» What the task asks
Below are the records. Retype exactly the lines between the lines holding "#116=IFCINDEXEDPOLYGONALFACE((6,8,44,42));" and "#138=IFCINDEXEDPOLYGONALFACE((28,30,66,64));", inclusive.

» Records provided
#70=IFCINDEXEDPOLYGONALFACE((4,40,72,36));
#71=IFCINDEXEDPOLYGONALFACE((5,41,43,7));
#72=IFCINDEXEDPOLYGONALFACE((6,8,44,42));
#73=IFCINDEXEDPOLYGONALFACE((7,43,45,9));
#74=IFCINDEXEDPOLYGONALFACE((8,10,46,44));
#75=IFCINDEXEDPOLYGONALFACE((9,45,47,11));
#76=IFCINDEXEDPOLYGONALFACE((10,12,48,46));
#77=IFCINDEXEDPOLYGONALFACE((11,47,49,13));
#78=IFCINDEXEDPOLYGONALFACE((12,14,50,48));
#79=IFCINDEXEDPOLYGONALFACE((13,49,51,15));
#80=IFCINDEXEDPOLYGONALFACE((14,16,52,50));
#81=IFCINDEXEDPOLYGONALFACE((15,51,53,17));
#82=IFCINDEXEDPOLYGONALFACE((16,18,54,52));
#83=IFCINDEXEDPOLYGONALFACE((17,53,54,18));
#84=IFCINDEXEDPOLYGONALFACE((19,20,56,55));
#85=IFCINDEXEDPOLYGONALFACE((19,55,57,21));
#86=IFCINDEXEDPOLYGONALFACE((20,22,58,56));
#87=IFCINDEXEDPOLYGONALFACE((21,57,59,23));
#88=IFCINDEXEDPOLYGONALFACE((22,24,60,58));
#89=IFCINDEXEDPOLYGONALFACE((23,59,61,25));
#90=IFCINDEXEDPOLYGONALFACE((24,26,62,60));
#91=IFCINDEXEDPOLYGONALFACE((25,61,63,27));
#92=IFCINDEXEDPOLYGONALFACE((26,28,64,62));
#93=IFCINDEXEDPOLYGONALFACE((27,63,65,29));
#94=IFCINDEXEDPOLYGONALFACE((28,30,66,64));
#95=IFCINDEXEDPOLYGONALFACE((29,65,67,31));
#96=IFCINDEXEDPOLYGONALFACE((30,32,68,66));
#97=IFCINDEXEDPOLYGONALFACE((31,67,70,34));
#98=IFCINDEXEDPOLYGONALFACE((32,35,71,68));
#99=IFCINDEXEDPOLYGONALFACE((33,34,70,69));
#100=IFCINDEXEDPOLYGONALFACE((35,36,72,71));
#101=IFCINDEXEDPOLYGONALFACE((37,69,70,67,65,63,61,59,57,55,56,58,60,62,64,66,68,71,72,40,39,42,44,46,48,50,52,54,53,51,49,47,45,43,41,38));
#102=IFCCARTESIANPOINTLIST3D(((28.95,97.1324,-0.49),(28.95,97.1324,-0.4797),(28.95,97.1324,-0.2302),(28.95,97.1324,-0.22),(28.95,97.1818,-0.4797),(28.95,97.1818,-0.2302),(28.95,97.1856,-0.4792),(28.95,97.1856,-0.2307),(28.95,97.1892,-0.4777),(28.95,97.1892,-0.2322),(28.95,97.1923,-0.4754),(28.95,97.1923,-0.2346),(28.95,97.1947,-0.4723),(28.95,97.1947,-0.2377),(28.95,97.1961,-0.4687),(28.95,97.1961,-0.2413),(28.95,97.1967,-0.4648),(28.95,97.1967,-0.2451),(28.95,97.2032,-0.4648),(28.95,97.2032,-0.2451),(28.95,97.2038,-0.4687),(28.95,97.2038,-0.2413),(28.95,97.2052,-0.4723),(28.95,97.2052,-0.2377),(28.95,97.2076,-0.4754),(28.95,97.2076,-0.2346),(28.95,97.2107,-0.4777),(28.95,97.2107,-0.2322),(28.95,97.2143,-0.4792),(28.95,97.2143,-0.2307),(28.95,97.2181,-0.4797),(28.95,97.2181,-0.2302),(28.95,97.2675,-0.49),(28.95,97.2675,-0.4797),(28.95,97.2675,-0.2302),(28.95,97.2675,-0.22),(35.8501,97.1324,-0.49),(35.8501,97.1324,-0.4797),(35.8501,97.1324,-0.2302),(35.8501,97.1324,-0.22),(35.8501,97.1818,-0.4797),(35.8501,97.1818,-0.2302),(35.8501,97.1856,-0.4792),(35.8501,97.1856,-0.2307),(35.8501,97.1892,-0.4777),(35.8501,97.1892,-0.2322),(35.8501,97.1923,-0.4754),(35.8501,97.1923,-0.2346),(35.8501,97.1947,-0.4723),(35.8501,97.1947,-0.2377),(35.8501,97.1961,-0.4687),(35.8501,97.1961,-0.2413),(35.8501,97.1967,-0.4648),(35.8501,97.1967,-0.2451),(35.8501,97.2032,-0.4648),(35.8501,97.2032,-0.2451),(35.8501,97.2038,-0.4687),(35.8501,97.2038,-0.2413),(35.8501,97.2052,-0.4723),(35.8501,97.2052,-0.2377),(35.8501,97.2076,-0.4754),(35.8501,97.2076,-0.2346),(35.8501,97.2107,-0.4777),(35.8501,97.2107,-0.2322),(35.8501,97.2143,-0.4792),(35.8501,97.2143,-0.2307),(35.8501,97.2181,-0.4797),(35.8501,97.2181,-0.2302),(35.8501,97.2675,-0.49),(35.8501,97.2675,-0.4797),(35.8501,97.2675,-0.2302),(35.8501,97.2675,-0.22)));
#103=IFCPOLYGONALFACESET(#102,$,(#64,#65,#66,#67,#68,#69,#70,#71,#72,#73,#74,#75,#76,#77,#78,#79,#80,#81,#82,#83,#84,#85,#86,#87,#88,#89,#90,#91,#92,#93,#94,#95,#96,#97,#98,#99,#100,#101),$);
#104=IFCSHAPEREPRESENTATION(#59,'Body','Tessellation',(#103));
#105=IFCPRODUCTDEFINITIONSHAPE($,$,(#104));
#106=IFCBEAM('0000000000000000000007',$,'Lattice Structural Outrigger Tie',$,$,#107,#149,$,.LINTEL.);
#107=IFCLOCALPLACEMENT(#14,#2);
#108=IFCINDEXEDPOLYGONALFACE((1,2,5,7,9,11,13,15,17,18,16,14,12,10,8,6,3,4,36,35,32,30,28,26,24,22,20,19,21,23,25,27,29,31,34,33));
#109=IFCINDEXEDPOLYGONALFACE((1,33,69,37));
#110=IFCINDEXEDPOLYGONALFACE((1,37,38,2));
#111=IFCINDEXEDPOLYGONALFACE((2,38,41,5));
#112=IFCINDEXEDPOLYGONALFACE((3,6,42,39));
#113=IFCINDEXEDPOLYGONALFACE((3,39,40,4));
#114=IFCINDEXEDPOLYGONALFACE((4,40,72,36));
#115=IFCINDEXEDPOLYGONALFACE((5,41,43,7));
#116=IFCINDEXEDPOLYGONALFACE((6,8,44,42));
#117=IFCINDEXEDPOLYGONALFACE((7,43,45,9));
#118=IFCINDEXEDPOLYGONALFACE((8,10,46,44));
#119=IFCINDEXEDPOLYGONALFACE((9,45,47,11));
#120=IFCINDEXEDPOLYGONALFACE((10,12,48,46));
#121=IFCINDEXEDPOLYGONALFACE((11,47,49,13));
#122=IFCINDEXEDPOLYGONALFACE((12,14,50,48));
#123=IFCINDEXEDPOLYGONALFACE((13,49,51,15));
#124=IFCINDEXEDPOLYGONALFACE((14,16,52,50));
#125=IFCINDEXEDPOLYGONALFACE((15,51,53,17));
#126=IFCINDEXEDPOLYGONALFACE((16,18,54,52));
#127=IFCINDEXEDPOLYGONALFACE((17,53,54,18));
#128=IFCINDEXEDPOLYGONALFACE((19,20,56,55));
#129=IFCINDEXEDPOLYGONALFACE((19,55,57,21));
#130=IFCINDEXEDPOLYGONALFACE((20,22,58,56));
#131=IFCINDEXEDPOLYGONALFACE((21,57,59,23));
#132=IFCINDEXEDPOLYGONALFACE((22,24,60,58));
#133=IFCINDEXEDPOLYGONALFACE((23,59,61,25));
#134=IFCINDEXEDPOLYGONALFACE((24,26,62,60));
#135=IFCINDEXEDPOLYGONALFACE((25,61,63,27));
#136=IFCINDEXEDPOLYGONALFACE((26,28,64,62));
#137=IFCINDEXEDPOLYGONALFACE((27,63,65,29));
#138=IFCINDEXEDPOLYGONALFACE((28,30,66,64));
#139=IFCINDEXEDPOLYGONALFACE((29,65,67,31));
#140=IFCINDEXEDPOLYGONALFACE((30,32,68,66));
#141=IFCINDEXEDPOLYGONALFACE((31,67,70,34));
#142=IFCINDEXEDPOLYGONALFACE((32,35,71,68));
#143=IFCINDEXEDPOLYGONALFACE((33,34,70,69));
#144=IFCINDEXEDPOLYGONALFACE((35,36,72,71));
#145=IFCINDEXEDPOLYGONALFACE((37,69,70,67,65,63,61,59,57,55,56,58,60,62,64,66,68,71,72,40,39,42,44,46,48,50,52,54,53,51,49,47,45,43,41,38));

» Answer area
#116=IFCINDEXEDPOLYGONALFACE((6,8,44,42));
#117=IFCINDEXEDPOLYGONALFACE((7,43,45,9));
#118=IFCINDEXEDPOLYGONALFACE((8,10,46,44));
#119=IFCINDEXEDPOLYGONALFACE((9,45,47,11));
#120=IFCINDEXEDPOLYGONALFACE((10,12,48,46));
#121=IFCINDEXEDPOLYGONALFACE((11,47,49,13));
#122=IFCINDEXEDPOLYGONALFACE((12,14,50,48));
#123=IFCINDEXEDPOLYGONALFACE((13,49,51,15));
#124=IFCINDEXEDPOLYGONALFACE((14,16,52,50));
#125=IFCINDEXEDPOLYGONALFACE((15,51,53,17));
#126=IFCINDEXEDPOLYGONALFACE((16,18,54,52));
#127=IFCINDEXEDPOLYGONALFACE((17,53,54,18));
#128=IFCINDEXEDPOLYGONALFACE((19,20,56,55));
#129=IFCINDEXEDPOLYGONALFACE((19,55,57,21));
#130=IFCINDEXEDPOLYGONALFACE((20,22,58,56));
#131=IFCINDEXEDPOLYGONALFACE((21,57,59,23));
#132=IFCINDEXEDPOLYGONALFACE((22,24,60,58));
#133=IFCINDEXEDPOLYGONALFACE((23,59,61,25));
#134=IFCINDEXEDPOLYGONALFACE((24,26,62,60));
#135=IFCINDEXEDPOLYGONALFACE((25,61,63,27));
#136=IFCINDEXEDPOLYGONALFACE((26,28,64,62));
#137=IFCINDEXEDPOLYGONALFACE((27,63,65,29));
#138=IFCINDEXEDPOLYGONALFACE((28,30,66,64));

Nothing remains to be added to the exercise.